[Assignment]
Once you find the line containing "#3=IFCDIRECTION((0.,1.));" in the data below, copy it and each following line exactly, up to and including the line containing "#29=IFCINDEXEDPOLYGONALFACE((5,7,8,6));", and nothing else.

[Data]
· · · · ·

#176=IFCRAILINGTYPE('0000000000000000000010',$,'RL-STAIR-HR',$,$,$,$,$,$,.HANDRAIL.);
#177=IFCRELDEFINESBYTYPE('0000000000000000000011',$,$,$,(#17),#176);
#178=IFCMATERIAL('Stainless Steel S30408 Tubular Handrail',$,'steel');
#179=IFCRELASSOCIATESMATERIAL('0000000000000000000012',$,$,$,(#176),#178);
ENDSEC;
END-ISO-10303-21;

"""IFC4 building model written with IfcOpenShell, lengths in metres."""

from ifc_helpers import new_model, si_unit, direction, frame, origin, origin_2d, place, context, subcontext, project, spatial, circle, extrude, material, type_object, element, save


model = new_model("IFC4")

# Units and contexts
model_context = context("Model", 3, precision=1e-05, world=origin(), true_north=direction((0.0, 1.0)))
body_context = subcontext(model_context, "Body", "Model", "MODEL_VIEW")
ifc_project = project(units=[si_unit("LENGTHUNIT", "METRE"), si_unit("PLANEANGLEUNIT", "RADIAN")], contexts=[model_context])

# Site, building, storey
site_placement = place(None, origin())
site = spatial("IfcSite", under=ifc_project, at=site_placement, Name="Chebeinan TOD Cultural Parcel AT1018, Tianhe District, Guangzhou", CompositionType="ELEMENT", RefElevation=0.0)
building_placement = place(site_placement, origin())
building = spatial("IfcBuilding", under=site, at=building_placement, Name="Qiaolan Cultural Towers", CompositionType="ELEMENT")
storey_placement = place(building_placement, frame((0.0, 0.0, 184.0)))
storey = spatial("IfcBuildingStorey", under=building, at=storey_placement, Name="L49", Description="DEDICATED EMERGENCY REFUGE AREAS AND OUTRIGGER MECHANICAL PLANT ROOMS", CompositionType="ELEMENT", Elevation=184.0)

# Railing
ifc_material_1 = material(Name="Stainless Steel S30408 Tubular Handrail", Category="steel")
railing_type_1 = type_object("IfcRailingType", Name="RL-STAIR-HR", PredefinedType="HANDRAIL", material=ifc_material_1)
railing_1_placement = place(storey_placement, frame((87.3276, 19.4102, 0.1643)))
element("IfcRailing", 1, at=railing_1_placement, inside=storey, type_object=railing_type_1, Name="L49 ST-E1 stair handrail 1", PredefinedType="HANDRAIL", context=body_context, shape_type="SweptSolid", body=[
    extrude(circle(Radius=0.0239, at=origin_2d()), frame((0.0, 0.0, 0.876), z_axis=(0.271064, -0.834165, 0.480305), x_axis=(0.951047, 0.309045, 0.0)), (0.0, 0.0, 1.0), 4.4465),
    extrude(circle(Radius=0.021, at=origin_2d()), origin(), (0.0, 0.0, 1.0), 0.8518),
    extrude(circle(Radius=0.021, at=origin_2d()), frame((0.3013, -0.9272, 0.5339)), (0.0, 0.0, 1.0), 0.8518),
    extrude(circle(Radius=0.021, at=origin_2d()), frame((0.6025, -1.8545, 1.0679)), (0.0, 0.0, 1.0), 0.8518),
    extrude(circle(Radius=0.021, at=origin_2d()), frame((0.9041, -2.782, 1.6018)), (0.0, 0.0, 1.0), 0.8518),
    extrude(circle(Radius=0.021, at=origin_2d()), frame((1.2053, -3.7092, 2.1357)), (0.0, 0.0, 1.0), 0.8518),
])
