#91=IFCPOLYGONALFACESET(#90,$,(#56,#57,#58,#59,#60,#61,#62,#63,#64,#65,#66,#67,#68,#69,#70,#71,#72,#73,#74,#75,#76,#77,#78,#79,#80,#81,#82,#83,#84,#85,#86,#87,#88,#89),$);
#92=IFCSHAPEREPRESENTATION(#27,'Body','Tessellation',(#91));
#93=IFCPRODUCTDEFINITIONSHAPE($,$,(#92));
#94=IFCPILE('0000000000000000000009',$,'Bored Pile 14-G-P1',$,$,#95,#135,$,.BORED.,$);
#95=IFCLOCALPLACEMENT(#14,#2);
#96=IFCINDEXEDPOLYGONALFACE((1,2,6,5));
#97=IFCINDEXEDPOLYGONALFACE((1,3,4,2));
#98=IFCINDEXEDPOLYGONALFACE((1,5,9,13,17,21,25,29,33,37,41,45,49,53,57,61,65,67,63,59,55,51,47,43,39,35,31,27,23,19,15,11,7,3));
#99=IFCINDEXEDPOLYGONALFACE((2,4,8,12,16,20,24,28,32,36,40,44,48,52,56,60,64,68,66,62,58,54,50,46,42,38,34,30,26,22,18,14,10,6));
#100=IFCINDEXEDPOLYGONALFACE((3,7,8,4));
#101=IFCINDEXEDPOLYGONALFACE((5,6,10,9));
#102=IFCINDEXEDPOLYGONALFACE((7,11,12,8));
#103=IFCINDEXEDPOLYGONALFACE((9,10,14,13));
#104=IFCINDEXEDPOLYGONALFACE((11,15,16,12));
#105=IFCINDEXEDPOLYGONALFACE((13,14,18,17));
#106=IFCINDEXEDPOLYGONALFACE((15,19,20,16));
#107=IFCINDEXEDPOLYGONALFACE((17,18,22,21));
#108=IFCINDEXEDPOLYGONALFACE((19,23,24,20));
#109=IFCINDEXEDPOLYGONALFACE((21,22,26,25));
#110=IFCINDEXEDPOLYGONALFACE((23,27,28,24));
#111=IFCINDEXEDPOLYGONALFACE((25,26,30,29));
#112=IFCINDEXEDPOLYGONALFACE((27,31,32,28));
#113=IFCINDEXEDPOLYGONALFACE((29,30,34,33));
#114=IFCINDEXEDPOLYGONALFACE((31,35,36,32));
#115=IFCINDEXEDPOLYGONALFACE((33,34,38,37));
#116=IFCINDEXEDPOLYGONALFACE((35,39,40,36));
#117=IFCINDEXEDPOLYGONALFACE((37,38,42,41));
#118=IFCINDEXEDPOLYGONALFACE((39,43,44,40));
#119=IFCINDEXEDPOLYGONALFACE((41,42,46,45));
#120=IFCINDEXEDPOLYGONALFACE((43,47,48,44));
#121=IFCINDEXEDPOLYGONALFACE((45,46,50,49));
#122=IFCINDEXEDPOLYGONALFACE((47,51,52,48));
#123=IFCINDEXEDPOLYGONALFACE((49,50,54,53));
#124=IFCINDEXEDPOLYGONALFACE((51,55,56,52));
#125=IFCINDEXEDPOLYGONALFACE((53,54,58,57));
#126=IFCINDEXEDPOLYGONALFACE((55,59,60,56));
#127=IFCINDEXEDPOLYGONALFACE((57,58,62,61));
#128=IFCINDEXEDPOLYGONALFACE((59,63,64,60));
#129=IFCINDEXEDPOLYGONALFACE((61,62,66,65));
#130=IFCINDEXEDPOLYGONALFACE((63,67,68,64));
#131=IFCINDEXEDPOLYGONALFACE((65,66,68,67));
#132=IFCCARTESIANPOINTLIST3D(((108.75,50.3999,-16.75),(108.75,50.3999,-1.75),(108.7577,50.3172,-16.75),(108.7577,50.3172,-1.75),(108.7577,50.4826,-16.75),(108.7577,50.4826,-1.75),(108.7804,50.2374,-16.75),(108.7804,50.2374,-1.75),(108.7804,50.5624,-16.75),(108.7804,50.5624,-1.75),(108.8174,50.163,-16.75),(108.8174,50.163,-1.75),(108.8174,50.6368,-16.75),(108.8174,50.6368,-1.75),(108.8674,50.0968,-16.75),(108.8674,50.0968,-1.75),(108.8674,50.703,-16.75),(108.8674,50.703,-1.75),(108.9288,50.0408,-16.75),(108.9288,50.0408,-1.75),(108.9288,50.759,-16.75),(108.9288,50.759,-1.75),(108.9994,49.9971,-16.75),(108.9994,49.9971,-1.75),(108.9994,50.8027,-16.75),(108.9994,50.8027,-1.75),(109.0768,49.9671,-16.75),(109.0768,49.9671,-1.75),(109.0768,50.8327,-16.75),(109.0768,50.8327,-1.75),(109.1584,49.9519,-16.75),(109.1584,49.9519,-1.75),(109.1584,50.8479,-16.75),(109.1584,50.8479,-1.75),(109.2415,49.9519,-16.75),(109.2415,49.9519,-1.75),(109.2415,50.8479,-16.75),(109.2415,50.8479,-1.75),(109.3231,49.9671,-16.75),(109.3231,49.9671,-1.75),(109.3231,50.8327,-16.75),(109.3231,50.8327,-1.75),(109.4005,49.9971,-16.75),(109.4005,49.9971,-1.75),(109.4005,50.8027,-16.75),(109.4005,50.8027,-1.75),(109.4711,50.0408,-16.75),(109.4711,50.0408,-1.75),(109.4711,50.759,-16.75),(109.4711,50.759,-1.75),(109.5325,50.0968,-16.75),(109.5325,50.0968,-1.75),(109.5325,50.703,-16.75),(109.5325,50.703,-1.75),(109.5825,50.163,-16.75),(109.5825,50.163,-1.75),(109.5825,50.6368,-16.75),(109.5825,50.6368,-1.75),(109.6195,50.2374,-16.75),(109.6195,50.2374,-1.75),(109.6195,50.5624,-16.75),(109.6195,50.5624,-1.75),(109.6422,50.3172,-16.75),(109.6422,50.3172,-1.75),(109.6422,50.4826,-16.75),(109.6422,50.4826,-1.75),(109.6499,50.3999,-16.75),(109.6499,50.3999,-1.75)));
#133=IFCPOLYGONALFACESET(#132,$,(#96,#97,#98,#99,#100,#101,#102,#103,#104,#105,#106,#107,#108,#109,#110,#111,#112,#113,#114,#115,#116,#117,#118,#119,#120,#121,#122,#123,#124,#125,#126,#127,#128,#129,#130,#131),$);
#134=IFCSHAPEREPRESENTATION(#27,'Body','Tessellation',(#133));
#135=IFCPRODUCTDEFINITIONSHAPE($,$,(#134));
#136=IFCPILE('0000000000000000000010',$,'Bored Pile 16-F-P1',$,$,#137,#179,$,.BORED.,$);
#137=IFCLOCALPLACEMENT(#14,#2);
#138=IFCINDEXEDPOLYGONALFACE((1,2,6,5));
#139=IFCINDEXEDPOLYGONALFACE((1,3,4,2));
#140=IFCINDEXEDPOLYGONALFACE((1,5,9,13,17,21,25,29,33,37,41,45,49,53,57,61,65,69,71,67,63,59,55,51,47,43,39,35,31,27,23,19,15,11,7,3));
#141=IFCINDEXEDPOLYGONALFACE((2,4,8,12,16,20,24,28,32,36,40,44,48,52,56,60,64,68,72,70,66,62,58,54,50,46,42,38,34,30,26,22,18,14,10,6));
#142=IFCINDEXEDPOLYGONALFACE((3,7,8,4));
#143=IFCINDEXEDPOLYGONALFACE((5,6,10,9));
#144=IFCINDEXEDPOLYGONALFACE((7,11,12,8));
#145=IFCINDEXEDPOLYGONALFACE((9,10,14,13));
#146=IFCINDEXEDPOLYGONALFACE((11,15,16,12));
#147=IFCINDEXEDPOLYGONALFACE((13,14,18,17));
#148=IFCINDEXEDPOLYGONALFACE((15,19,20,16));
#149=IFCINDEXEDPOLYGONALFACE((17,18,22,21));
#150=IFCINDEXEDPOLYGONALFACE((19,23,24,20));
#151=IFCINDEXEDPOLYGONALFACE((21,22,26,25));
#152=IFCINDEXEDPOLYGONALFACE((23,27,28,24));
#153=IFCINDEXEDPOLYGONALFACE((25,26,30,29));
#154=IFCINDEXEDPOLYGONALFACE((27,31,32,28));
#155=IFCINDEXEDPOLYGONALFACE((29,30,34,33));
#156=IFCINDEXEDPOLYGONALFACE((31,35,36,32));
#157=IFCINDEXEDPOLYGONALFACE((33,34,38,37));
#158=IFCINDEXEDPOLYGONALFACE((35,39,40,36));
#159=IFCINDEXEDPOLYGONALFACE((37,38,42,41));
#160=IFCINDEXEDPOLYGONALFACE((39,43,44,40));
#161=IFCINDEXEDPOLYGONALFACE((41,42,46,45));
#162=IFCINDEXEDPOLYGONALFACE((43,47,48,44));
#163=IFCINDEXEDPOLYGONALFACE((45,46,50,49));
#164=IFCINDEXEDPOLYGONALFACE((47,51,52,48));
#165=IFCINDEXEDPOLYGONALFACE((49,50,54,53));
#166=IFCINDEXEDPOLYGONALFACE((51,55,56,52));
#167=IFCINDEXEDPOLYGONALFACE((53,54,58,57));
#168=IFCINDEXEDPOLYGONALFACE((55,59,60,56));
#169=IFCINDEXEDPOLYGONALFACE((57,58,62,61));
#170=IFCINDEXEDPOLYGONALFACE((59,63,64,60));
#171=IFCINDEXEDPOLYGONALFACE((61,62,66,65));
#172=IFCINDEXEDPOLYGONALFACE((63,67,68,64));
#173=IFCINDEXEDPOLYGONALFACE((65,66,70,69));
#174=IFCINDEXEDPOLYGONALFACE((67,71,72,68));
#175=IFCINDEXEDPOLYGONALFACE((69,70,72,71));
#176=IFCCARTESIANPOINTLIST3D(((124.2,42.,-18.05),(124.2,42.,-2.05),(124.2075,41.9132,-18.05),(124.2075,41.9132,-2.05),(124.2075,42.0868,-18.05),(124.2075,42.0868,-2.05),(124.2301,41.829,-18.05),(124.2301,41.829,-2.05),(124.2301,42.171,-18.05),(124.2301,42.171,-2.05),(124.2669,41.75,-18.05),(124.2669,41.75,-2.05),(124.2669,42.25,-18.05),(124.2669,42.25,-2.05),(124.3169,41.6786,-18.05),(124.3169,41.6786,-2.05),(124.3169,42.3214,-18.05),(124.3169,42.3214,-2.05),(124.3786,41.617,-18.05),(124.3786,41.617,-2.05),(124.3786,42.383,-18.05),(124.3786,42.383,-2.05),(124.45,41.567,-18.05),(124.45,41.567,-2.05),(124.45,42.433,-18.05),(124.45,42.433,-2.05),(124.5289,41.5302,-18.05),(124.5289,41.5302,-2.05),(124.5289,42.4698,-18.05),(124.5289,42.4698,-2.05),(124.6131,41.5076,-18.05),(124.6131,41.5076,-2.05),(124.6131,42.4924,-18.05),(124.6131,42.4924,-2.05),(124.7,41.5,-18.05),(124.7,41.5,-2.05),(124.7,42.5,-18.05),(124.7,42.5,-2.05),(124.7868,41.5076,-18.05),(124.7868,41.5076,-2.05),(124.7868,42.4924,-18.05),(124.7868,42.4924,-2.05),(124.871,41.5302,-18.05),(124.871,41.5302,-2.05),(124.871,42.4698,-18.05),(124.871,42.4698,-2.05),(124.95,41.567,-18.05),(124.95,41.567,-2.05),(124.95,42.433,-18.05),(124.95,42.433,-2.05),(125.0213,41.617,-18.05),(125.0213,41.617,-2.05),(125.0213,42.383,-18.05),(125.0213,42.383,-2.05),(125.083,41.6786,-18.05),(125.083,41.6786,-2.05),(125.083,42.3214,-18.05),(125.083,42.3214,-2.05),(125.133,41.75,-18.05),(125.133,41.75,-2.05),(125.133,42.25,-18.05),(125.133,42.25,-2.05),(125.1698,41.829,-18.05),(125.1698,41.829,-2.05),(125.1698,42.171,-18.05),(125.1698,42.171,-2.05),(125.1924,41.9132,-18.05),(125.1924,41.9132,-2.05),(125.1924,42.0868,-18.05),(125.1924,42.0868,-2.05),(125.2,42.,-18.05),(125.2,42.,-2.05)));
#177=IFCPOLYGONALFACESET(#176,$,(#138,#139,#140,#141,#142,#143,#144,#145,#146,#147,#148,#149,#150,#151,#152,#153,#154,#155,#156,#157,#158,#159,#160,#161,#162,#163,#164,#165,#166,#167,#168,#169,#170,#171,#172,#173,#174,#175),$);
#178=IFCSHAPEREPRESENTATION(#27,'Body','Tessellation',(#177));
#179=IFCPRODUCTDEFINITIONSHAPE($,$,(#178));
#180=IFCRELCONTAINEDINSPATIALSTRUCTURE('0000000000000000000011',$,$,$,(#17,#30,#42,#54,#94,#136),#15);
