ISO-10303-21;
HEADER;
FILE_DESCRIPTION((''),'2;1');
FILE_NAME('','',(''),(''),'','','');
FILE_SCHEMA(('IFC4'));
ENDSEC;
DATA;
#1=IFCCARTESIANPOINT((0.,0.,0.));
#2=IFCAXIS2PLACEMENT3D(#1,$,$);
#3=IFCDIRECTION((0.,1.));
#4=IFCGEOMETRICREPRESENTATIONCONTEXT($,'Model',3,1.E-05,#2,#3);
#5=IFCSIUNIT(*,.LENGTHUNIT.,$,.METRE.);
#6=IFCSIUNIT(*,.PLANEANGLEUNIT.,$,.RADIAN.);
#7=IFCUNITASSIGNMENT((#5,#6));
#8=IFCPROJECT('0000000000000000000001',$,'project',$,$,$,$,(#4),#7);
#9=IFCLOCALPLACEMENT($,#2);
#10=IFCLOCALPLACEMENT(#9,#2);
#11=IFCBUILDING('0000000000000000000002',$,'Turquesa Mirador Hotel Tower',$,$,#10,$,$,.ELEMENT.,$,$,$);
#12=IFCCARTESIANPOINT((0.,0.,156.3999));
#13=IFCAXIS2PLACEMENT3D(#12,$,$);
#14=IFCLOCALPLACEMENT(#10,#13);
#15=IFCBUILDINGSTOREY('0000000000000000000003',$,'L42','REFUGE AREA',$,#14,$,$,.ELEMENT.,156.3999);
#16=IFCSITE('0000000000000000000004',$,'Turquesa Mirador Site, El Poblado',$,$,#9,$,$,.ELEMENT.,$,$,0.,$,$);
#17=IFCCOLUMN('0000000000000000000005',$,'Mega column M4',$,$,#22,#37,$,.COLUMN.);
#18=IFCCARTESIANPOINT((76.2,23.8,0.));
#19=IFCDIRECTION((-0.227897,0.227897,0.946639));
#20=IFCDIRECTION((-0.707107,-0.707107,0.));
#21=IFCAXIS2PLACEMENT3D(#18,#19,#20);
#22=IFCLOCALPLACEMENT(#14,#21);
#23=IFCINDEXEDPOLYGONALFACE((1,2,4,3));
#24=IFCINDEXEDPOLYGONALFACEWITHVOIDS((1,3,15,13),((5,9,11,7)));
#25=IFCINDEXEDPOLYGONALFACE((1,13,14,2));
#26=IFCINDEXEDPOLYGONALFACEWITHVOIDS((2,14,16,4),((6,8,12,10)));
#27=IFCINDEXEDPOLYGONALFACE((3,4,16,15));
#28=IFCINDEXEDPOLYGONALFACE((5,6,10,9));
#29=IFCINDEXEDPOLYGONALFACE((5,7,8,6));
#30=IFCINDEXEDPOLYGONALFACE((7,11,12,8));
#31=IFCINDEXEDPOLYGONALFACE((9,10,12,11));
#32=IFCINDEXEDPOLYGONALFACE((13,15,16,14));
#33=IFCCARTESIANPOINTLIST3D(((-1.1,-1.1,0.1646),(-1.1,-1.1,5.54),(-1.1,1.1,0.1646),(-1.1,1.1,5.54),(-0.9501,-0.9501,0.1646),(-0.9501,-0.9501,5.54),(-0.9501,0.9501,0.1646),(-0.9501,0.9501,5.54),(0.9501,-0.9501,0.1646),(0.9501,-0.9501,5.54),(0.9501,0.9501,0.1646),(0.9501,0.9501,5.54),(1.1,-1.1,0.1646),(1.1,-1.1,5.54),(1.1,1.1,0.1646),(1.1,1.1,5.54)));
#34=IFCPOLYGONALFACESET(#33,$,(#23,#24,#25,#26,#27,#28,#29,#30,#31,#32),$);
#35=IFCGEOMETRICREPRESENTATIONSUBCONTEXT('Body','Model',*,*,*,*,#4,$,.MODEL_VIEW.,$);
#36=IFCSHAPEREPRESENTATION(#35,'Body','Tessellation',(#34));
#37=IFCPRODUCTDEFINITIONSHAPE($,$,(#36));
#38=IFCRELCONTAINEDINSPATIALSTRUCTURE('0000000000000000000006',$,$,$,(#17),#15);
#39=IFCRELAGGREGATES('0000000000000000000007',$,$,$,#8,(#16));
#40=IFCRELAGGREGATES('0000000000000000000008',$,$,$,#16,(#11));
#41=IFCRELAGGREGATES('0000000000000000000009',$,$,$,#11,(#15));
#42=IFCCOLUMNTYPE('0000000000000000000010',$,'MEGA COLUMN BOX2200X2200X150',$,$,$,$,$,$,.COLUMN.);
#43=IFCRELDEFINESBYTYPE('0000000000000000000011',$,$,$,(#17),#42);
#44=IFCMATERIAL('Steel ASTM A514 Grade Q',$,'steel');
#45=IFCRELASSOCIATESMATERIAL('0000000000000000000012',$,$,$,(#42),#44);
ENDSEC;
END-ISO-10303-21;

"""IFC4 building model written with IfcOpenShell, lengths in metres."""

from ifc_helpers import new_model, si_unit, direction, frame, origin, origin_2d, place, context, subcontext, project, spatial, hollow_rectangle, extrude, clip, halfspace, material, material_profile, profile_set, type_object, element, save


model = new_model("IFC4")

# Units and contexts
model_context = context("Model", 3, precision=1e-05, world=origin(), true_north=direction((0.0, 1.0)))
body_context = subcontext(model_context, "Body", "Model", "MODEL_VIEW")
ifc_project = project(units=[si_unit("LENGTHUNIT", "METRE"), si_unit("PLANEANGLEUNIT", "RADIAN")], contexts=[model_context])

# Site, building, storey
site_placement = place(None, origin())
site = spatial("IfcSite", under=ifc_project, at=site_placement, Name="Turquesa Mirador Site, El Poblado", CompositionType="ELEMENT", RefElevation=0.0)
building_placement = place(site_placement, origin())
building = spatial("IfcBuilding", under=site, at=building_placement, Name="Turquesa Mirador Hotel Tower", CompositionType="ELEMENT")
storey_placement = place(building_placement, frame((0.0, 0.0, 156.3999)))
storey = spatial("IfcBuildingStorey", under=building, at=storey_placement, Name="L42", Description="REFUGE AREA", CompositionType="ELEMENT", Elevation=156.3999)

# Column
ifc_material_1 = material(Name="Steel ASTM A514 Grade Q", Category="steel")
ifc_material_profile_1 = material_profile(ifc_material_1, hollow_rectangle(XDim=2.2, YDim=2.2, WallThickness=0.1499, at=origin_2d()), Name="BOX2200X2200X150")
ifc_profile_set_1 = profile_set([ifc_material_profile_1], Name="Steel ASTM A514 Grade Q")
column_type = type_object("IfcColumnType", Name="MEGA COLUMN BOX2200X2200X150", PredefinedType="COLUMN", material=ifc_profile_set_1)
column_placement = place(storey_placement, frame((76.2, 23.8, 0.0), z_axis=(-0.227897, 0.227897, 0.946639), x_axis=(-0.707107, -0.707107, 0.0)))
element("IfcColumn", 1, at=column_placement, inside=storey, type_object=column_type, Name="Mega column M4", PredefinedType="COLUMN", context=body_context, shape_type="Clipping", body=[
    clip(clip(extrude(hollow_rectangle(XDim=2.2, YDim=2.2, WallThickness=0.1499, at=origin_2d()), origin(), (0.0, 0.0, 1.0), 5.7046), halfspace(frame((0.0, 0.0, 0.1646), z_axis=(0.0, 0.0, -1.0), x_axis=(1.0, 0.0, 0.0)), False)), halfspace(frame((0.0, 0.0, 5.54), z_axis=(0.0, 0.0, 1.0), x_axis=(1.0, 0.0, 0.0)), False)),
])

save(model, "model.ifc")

· · · · ·

[Task output]
#3=IFCDIRECTION((0.,1.));
#4=IFCGEOMETRICREPRESENTATIONCONTEXT($,'Model',3,1.E-05,#2,#3);
#5=IFCSIUNIT(*,.LENGTHUNIT.,$,.METRE.);
#6=IFCSIUNIT(*,.PLANEANGLEUNIT.,$,.RADIAN.);
#7=IFCUNITASSIGNMENT((#5,#6));
#8=IFCPROJECT('0000000000000000000001',$,'project',$,$,$,$,(#4),#7);
#9=IFCLOCALPLACEMENT($,#2);
#10=IFCLOCALPLACEMENT(#9,#2);
#11=IFCBUILDING('0000000000000000000002',$,'Turquesa Mirador Hotel Tower',$,$,#10,$,$,.ELEMENT.,$,$,$);
#12=IFCCARTESIANPOINT((0.,0.,156.3999));
#13=IFCAXIS2PLACEMENT3D(#12,$,$);
#14=IFCLOCALPLACEMENT(#10,#13);
#15=IFCBUILDINGSTOREY('0000000000000000000003',$,'L42','REFUGE AREA',$,#14,$,$,.ELEMENT.,156.3999);
#16=IFCSITE('0000000000000000000004',$,'Turquesa Mirador Site, El Poblado',$,$,#9,$,$,.ELEMENT.,$,$,0.,$,$);
#17=IFCCOLUMN('0000000000000000000005',$,'Mega column M4',$,$,#22,#37,$,.COLUMN.);
#18=IFCCARTESIANPOINT((76.2,23.8,0.));
#19=IFCDIRECTION((-0.227897,0.227897,0.946639));
#20=IFCDIRECTION((-0.707107,-0.707107,0.));
#21=IFCAXIS2PLACEMENT3D(#18,#19,#20);
#22=IFCLOCALPLACEMENT(#14,#21);
#23=IFCINDEXEDPOLYGONALFACE((1,2,4,3));
#24=IFCINDEXEDPOLYGONALFACEWITHVOIDS((1,3,15,13),((5,9,11,7)));
#25=IFCINDEXEDPOLYGONALFACE((1,13,14,2));
#26=IFCINDEXEDPOLYGONALFACEWITHVOIDS((2,14,16,4),((6,8,12,10)));
#27=IFCINDEXEDPOLYGONALFACE((3,4,16,15));
#28=IFCINDEXEDPOLYGONALFACE((5,6,10,9));
#29=IFCINDEXEDPOLYGONALFACE((5,7,8,6));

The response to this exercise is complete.